# WHAT IS NEEDED
Return the line containing "#107=IFCINDEXEDPOLYGONALFACE((19,75,79,23));" and every line after it through the end of the entries below, with no other lines.

Dataset items
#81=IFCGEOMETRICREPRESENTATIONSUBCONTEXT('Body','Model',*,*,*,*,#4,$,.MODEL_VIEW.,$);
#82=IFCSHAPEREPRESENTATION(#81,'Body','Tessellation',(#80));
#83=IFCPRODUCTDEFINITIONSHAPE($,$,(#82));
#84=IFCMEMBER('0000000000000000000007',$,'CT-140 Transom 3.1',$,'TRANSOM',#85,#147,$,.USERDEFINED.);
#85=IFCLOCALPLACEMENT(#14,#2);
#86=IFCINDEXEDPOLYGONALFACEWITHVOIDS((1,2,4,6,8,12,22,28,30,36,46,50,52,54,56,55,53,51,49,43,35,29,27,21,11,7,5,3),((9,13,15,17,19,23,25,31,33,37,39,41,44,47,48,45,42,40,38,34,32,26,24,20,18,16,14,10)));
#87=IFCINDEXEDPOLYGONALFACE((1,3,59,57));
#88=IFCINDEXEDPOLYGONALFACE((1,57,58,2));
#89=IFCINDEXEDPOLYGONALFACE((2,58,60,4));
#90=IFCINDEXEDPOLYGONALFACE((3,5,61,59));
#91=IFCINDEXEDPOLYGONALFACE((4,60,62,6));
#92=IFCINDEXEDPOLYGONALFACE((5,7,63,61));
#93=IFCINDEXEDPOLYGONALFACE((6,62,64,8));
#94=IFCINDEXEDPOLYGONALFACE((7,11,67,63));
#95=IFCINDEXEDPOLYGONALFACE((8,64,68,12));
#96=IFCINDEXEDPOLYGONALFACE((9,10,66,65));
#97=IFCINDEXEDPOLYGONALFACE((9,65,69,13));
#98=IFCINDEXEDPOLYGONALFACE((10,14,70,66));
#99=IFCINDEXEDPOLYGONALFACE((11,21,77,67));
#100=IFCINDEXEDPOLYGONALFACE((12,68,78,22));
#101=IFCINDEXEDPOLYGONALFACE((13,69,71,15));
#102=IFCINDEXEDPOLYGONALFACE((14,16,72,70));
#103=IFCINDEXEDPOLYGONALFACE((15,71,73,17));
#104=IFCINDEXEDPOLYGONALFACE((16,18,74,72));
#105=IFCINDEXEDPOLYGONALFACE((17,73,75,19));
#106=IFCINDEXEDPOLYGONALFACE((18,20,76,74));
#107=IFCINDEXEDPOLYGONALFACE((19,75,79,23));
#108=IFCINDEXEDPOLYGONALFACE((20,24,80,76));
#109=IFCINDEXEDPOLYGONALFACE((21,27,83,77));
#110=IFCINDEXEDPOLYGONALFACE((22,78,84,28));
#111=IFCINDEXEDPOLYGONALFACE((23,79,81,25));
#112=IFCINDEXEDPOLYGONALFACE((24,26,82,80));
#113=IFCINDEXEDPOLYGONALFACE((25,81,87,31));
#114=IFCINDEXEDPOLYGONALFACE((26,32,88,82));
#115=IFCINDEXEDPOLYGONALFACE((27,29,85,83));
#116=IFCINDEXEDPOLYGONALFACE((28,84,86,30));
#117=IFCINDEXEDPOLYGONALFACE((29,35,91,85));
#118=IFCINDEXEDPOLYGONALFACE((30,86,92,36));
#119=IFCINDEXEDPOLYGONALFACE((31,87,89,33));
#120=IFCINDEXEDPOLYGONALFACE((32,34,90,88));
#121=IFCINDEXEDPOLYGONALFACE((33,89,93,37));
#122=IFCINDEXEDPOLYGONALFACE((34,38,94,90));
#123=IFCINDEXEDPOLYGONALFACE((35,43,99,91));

# ANSWER FOR THE TASK
#107=IFCINDEXEDPOLYGONALFACE((19,75,79,23));
#108=IFCINDEXEDPOLYGONALFACE((20,24,80,76));
#109=IFCINDEXEDPOLYGONALFACE((21,27,83,77));
#110=IFCINDEXEDPOLYGONALFACE((22,78,84,28));
#111=IFCINDEXEDPOLYGONALFACE((23,79,81,25));
#112=IFCINDEXEDPOLYGONALFACE((24,26,82,80));
#113=IFCINDEXEDPOLYGONALFACE((25,81,87,31));
#114=IFCINDEXEDPOLYGONALFACE((26,32,88,82));
#115=IFCINDEXEDPOLYGONALFACE((27,29,85,83));
#116=IFCINDEXEDPOLYGONALFACE((28,84,86,30));
#117=IFCINDEXEDPOLYGONALFACE((29,35,91,85));
#118=IFCINDEXEDPOLYGONALFACE((30,86,92,36));
#119=IFCINDEXEDPOLYGONALFACE((31,87,89,33));
#120=IFCINDEXEDPOLYGONALFACE((32,34,90,88));
#121=IFCINDEXEDPOLYGONALFACE((33,89,93,37));
#122=IFCINDEXEDPOLYGONALFACE((34,38,94,90));
#123=IFCINDEXEDPOLYGONALFACE((35,43,99,91));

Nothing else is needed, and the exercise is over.